GIVEN ENTRIES.
== == ==

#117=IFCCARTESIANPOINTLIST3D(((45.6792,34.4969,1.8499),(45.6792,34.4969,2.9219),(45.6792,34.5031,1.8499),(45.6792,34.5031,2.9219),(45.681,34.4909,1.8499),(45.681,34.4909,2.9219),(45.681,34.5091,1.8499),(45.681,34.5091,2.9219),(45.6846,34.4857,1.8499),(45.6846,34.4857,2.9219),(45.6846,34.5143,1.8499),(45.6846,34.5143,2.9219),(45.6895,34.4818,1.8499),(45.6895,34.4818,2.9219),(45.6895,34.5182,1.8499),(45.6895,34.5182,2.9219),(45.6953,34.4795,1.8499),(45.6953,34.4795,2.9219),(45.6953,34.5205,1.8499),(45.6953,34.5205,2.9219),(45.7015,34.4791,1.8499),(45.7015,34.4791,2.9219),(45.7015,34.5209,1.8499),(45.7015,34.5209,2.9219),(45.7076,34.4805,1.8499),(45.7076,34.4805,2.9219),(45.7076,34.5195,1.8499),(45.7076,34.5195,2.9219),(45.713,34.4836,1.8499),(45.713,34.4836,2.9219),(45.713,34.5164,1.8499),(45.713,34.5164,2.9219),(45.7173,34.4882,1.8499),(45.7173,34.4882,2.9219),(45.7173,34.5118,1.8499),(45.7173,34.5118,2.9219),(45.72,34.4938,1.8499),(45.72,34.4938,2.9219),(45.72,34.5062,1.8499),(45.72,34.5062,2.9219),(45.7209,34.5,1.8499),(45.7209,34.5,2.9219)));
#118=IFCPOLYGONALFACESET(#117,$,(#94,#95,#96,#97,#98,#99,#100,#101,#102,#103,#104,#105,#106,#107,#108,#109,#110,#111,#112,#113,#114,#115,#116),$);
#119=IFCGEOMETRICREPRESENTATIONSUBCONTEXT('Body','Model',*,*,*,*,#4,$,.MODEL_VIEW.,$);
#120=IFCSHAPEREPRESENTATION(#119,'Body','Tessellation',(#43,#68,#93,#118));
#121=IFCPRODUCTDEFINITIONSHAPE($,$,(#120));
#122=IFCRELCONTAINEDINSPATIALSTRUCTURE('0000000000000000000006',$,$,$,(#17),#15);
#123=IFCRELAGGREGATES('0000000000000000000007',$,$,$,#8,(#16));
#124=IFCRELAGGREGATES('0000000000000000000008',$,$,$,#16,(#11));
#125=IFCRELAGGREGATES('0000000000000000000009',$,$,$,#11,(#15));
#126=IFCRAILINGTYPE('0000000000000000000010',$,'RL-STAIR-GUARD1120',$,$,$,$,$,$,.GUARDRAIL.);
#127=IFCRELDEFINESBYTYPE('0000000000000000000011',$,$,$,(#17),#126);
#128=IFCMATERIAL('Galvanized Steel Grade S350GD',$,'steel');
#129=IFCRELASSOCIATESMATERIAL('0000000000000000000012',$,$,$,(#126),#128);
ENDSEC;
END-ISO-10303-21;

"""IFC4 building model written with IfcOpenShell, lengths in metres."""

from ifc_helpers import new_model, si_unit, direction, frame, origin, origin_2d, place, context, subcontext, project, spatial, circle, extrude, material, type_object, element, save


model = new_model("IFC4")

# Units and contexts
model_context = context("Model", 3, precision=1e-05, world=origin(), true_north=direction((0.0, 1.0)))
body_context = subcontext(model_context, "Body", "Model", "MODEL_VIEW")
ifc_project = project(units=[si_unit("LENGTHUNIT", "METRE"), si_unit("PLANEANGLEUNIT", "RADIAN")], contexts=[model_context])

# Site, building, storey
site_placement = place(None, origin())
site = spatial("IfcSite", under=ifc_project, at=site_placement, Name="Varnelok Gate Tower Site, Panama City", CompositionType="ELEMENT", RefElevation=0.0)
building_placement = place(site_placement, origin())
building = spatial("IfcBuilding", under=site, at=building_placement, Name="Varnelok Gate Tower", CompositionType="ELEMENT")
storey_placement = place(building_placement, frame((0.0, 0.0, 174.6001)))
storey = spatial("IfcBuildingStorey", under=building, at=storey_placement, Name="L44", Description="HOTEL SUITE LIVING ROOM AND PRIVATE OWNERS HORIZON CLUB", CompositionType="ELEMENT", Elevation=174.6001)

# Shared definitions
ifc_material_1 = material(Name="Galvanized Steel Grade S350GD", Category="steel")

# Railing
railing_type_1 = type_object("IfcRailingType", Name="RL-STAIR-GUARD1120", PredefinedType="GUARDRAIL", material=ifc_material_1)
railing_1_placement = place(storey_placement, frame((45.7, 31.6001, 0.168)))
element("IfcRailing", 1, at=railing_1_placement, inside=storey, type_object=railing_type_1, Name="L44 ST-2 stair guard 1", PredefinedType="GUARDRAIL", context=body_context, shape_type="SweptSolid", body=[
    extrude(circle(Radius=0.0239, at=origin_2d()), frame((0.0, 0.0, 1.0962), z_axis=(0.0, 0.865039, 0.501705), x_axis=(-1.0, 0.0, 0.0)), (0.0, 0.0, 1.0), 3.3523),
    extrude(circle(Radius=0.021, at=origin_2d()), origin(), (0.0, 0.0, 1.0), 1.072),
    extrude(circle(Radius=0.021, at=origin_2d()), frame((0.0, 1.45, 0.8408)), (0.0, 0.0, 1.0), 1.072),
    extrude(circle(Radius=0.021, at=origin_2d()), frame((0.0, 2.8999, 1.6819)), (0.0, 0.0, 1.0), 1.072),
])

== == ==

EXERCISE DESCRIPTION. Output every line of the listing word for word.

EXERCISE SOLUTION.
#117=IFCCARTESIANPOINTLIST3D(((45.6792,34.4969,1.8499),(45.6792,34.4969,2.9219),(45.6792,34.5031,1.8499),(45.6792,34.5031,2.9219),(45.681,34.4909,1.8499),(45.681,34.4909,2.9219),(45.681,34.5091,1.8499),(45.681,34.5091,2.9219),(45.6846,34.4857,1.8499),(45.6846,34.4857,2.9219),(45.6846,34.5143,1.8499),(45.6846,34.5143,2.9219),(45.6895,34.4818,1.8499),(45.6895,34.4818,2.9219),(45.6895,34.5182,1.8499),(45.6895,34.5182,2.9219),(45.6953,34.4795,1.8499),(45.6953,34.4795,2.9219),(45.6953,34.5205,1.8499),(45.6953,34.5205,2.9219),(45.7015,34.4791,1.8499),(45.7015,34.4791,2.9219),(45.7015,34.5209,1.8499),(45.7015,34.5209,2.9219),(45.7076,34.4805,1.8499),(45.7076,34.4805,2.9219),(45.7076,34.5195,1.8499),(45.7076,34.5195,2.9219),(45.713,34.4836,1.8499),(45.713,34.4836,2.9219),(45.713,34.5164,1.8499),(45.713,34.5164,2.9219),(45.7173,34.4882,1.8499),(45.7173,34.4882,2.9219),(45.7173,34.5118,1.8499),(45.7173,34.5118,2.9219),(45.72,34.4938,1.8499),(45.72,34.4938,2.9219),(45.72,34.5062,1.8499),(45.72,34.5062,2.9219),(45.7209,34.5,1.8499),(45.7209,34.5,2.9219)));
#118=IFCPOLYGONALFACESET(#117,$,(#94,#95,#96,#97,#98,#99,#100,#101,#102,#103,#104,#105,#106,#107,#108,#109,#110,#111,#112,#113,#114,#115,#116),$);
#119=IFCGEOMETRICREPRESENTATIONSUBCONTEXT('Body','Model',*,*,*,*,#4,$,.MODEL_VIEW.,$);
#120=IFCSHAPEREPRESENTATION(#119,'Body','Tessellation',(#43,#68,#93,#118));
#121=IFCPRODUCTDEFINITIONSHAPE($,$,(#120));
#122=IFCRELCONTAINEDINSPATIALSTRUCTURE('0000000000000000000006',$,$,$,(#17),#15);
#123=IFCRELAGGREGATES('0000000000000000000007',$,$,$,#8,(#16));
#124=IFCRELAGGREGATES('0000000000000000000008',$,$,$,#16,(#11));
#125=IFCRELAGGREGATES('0000000000000000000009',$,$,$,#11,(#15));
#126=IFCRAILINGTYPE('0000000000000000000010',$,'RL-STAIR-GUARD1120',$,$,$,$,$,$,.GUARDRAIL.);
#127=IFCRELDEFINESBYTYPE('0000000000000000000011',$,$,$,(#17),#126);
#128=IFCMATERIAL('Galvanized Steel Grade S350GD',$,'steel');
#129=IFCRELASSOCIATESMATERIAL('0000000000000000000012',$,$,$,(#126),#128);
ENDSEC;
END-ISO-10303-21;

"""IFC4 building model written with IfcOpenShell, lengths in metres."""

from ifc_helpers import new_model, si_unit, direction, frame, origin, origin_2d, place, context, subcontext, project, spatial, circle, extrude, material, type_object, element, save


model = new_model("IFC4")

# Units and contexts
model_context = context("Model", 3, precision=1e-05, world=origin(), true_north=direction((0.0, 1.0)))
body_context = subcontext(model_context, "Body", "Model", "MODEL_VIEW")
ifc_project = project(units=[si_unit("LENGTHUNIT", "METRE"), si_unit("PLANEANGLEUNIT", "RADIAN")], contexts=[model_context])

# Site, building, storey
site_placement = place(None, origin())
site = spatial("IfcSite", under=ifc_project, at=site_placement, Name="Varnelok Gate Tower Site, Panama City", CompositionType="ELEMENT", RefElevation=0.0)
building_placement = place(site_placement, origin())
building = spatial("IfcBuilding", under=site, at=building_placement, Name="Varnelok Gate Tower", CompositionType="ELEMENT")
storey_placement = place(building_placement, frame((0.0, 0.0, 174.6001)))
storey = spatial("IfcBuildingStorey", under=building, at=storey_placement, Name="L44", Description="HOTEL SUITE LIVING ROOM AND PRIVATE OWNERS HORIZON CLUB", CompositionType="ELEMENT", Elevation=174.6001)

# Shared definitions
ifc_material_1 = material(Name="Galvanized Steel Grade S350GD", Category="steel")

# Railing
railing_type_1 = type_object("IfcRailingType", Name="RL-STAIR-GUARD1120", PredefinedType="GUARDRAIL", material=ifc_material_1)
railing_1_placement = place(storey_placement, frame((45.7, 31.6001, 0.168)))
element("IfcRailing", 1, at=railing_1_placement, inside=storey, type_object=railing_type_1, Name="L44 ST-2 stair guard 1", PredefinedType="GUARDRAIL", context=body_context, shape_type="SweptSolid", body=[
    extrude(circle(Radius=0.0239, at=origin_2d()), frame((0.0, 0.0, 1.0962), z_axis=(0.0, 0.865039, 0.501705), x_axis=(-1.0, 0.0, 0.0)), (0.0, 0.0, 1.0), 3.3523),
    extrude(circle(Radius=0.021, at=origin_2d()), origin(), (0.0, 0.0, 1.0), 1.072),
    extrude(circle(Radius=0.021, at=origin_2d()), frame((0.0, 1.45, 0.8408)), (0.0, 0.0, 1.0), 1.072),
    extrude(circle(Radius=0.021, at=origin_2d()), frame((0.0, 2.8999, 1.6819)), (0.0, 0.0, 1.0), 1.072),
])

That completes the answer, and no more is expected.